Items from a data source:
※ ※ ※
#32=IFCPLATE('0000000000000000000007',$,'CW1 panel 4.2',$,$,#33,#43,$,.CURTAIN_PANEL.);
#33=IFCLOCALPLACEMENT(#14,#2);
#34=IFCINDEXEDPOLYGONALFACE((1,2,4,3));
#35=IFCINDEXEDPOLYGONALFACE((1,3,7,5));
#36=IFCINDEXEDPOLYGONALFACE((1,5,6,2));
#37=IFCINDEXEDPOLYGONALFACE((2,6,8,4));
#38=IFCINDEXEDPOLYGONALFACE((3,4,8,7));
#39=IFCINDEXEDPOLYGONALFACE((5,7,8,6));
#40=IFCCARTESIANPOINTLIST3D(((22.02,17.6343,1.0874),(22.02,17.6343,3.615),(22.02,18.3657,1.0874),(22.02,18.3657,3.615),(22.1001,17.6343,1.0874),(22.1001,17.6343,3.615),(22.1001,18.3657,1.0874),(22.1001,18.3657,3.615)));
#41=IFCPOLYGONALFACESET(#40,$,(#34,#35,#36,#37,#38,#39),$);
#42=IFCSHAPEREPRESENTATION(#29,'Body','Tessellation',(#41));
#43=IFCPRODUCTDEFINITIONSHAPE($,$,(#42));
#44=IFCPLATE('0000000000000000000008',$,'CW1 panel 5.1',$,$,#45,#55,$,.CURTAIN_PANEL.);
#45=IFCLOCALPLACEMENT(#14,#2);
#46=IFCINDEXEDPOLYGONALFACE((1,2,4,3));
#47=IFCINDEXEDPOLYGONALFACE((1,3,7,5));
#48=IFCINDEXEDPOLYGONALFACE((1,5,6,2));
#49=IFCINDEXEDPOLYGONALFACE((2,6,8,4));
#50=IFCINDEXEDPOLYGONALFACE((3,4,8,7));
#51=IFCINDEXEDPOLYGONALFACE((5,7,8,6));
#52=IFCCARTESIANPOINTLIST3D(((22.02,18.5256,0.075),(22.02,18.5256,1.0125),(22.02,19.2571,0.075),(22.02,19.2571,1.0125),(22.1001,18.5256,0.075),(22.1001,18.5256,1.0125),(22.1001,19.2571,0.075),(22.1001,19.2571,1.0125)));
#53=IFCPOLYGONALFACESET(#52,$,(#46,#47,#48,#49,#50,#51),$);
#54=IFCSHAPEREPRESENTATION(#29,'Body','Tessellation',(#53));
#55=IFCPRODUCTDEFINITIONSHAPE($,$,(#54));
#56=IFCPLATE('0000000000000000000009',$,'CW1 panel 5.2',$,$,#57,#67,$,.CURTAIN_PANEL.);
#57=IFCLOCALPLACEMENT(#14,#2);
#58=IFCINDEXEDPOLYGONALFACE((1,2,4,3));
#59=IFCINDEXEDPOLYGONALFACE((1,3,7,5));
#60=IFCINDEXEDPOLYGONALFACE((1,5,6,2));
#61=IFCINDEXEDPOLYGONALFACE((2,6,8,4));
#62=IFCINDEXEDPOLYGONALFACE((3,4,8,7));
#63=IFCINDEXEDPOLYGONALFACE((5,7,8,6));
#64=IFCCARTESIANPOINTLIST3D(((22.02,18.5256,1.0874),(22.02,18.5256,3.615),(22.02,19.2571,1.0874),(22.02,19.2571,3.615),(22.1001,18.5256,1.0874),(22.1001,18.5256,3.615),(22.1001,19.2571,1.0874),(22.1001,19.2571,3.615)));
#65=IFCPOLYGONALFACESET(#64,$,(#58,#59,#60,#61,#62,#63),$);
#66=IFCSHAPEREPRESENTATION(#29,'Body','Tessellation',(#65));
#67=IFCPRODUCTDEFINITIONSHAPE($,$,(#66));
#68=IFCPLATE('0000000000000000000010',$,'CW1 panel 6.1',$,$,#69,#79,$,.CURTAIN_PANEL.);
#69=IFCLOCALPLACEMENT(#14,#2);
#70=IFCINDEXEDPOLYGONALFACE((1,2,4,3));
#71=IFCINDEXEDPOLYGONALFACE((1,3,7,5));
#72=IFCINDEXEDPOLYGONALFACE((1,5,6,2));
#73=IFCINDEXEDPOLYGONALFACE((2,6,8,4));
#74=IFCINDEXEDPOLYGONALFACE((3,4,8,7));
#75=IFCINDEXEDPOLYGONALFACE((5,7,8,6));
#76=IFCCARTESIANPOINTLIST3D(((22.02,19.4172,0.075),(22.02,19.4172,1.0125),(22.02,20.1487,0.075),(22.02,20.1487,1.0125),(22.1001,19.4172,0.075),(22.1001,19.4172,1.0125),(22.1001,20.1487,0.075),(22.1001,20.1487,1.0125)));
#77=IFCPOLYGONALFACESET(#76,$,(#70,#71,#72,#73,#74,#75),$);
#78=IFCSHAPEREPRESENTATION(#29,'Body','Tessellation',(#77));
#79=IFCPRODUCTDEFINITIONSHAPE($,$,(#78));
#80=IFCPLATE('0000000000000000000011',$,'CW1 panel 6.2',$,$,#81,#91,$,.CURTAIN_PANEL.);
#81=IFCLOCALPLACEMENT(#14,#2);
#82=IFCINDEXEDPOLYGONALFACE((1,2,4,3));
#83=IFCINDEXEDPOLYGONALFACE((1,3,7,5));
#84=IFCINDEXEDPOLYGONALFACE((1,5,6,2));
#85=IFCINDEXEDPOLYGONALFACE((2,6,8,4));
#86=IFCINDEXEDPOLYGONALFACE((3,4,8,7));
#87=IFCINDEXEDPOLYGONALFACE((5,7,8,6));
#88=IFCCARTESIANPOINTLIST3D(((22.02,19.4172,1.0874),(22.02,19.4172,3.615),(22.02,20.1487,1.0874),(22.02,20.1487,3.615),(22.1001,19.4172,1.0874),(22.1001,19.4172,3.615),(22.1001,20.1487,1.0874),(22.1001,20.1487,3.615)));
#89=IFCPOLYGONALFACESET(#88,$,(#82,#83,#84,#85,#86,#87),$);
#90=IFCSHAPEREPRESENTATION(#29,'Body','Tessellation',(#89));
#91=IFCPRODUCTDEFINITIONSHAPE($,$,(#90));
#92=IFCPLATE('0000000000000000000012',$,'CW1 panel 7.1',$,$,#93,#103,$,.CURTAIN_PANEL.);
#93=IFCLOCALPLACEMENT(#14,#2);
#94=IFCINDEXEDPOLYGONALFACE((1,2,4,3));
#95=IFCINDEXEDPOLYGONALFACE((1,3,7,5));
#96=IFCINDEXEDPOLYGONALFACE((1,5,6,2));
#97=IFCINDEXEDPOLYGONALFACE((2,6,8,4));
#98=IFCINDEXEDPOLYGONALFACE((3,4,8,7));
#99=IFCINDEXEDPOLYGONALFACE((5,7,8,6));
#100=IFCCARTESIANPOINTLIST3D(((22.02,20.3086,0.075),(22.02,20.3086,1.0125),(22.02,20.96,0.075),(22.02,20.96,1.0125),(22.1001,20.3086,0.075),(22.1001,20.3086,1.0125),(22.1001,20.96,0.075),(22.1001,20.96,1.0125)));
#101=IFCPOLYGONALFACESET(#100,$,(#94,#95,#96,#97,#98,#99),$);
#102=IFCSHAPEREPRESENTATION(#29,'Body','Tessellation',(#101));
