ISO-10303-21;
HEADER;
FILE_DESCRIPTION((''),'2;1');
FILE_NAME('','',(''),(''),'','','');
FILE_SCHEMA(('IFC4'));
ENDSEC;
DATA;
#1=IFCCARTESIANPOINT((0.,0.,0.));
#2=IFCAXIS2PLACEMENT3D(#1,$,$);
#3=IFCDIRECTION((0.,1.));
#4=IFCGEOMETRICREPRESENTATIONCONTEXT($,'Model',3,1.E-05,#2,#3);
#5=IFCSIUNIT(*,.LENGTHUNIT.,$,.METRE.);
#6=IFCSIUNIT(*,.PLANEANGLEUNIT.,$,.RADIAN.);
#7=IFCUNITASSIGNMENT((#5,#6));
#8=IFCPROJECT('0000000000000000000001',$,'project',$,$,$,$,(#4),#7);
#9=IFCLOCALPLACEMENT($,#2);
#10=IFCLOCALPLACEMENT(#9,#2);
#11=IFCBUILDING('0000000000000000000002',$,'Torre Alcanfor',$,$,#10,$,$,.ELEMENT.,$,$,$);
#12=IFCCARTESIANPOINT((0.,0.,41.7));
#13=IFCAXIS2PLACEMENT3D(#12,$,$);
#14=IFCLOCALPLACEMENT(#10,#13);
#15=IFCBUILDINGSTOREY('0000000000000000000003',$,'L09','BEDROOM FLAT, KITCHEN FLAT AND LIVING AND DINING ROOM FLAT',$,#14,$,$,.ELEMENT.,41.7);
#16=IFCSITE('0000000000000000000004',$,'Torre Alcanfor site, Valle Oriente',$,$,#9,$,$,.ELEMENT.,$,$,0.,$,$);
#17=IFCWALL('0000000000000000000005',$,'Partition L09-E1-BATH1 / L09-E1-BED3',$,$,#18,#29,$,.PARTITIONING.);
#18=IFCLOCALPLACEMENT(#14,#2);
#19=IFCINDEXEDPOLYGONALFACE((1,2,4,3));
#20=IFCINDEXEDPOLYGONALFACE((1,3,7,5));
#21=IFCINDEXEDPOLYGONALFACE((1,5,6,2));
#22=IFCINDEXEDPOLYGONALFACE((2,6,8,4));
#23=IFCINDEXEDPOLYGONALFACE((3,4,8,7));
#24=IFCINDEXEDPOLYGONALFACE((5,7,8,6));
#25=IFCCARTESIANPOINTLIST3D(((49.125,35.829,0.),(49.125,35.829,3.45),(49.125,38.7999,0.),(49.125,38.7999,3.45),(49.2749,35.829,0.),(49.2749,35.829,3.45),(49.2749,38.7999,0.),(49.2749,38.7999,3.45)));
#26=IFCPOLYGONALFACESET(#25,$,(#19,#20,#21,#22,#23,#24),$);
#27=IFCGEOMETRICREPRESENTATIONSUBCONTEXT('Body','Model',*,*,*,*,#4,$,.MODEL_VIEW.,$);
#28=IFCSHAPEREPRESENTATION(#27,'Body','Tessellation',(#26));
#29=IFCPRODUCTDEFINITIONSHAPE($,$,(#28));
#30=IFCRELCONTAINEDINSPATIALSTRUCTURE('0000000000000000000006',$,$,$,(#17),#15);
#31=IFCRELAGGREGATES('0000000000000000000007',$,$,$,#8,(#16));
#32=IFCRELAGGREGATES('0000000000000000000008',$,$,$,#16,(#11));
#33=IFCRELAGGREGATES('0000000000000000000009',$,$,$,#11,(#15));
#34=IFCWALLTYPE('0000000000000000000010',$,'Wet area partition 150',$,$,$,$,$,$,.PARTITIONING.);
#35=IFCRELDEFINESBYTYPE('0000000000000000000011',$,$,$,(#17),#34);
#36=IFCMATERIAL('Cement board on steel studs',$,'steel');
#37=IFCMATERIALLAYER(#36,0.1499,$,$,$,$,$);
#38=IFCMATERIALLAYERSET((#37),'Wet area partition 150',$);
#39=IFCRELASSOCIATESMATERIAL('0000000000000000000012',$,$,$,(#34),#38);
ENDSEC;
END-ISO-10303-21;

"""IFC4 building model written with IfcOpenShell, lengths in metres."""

from ifc_helpers import new_model, si_unit, direction, frame, frame_2d, origin, place, context, subcontext, project, spatial, rectangle, extrude, material, layer, layer_set, type_object, element, save


model = new_model("IFC4")

# Units and contexts
model_context = context("Model", 3, precision=1e-05, world=origin(), true_north=direction((0.0, 1.0)))
body_context = subcontext(model_context, "Body", "Model", "MODEL_VIEW")
ifc_project = project(units=[si_unit("LENGTHUNIT", "METRE"), si_unit("PLANEANGLEUNIT", "RADIAN")], contexts=[model_context])

# Site, building, storey
site_placement = place(None, origin())
site = spatial("IfcSite", under=ifc_project, at=site_placement, Name="Torre Alcanfor site, Valle Oriente", CompositionType="ELEMENT", RefElevation=0.0)
building_placement = place(site_placement, origin())
building = spatial("IfcBuilding", under=site, at=building_placement, Name="Torre Alcanfor", CompositionType="ELEMENT")
storey_placement = place(building_placement, frame((0.0, 0.0, 41.7)))
storey = spatial("IfcBuildingStorey", under=building, at=storey_placement, Name="L09", Description="BEDROOM FLAT, KITCHEN FLAT AND LIVING AND DINING ROOM FLAT", CompositionType="ELEMENT", Elevation=41.7)

# Shared definitions
ifc_material_1 = material(Name="Cement board on steel studs", Category="steel")
ifc_layer_1 = layer(ifc_material_1, 0.1499)
ifc_layer_set_1 = layer_set([ifc_layer_1], Name="Wet area partition 150")
wall_type_1 = type_object("IfcWallType", Name="Wet area partition 150", PredefinedType="PARTITIONING", material=ifc_layer_set_1)

# Wall
for number, where, z_axis, x_axis, name in (
    (1, (49.2, 35.8291, 0.0), (0.0, 0.0, 1.0), (0.0, 1.0, 0.0), "Partition L09-E1-BATH1 / L09-E1-BED3"),
):
    element("IfcWall", number, at=place(storey_placement, frame(where, z_axis=z_axis, x_axis=x_axis)), inside=storey, type_object=wall_type_1, Name=name, PredefinedType="PARTITIONING", context=body_context, shape_type="SweptSolid", body=[
        extrude(rectangle(XDim=2.9709, YDim=0.1499, at=frame_2d((1.4854, 0.0))), origin(), (0.0, 0.0, 1.0), 3.45),
    ])

save(model, "model.ifc")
※ ※ ※
_Exercise:_ Reproduce only the lines above spanning from the line containing "#33=IFCRELAGGREGATES('0000000000000000000009',$,$,$,#11,(#15));" through the line containing "END-ISO-10303-21;", word for word.

_Task result:_
#33=IFCRELAGGREGATES('0000000000000000000009',$,$,$,#11,(#15));
#34=IFCWALLTYPE('0000000000000000000010',$,'Wet area partition 150',$,$,$,$,$,$,.PARTITIONING.);
#35=IFCRELDEFINESBYTYPE('0000000000000000000011',$,$,$,(#17),#34);
#36=IFCMATERIAL('Cement board on steel studs',$,'steel');
#37=IFCMATERIALLAYER(#36,0.1499,$,$,$,$,$);
#38=IFCMATERIALLAYERSET((#37),'Wet area partition 150',$);
#39=IFCRELASSOCIATESMATERIAL('0000000000000000000012',$,$,$,(#34),#38);
ENDSEC;
END-ISO-10303-21;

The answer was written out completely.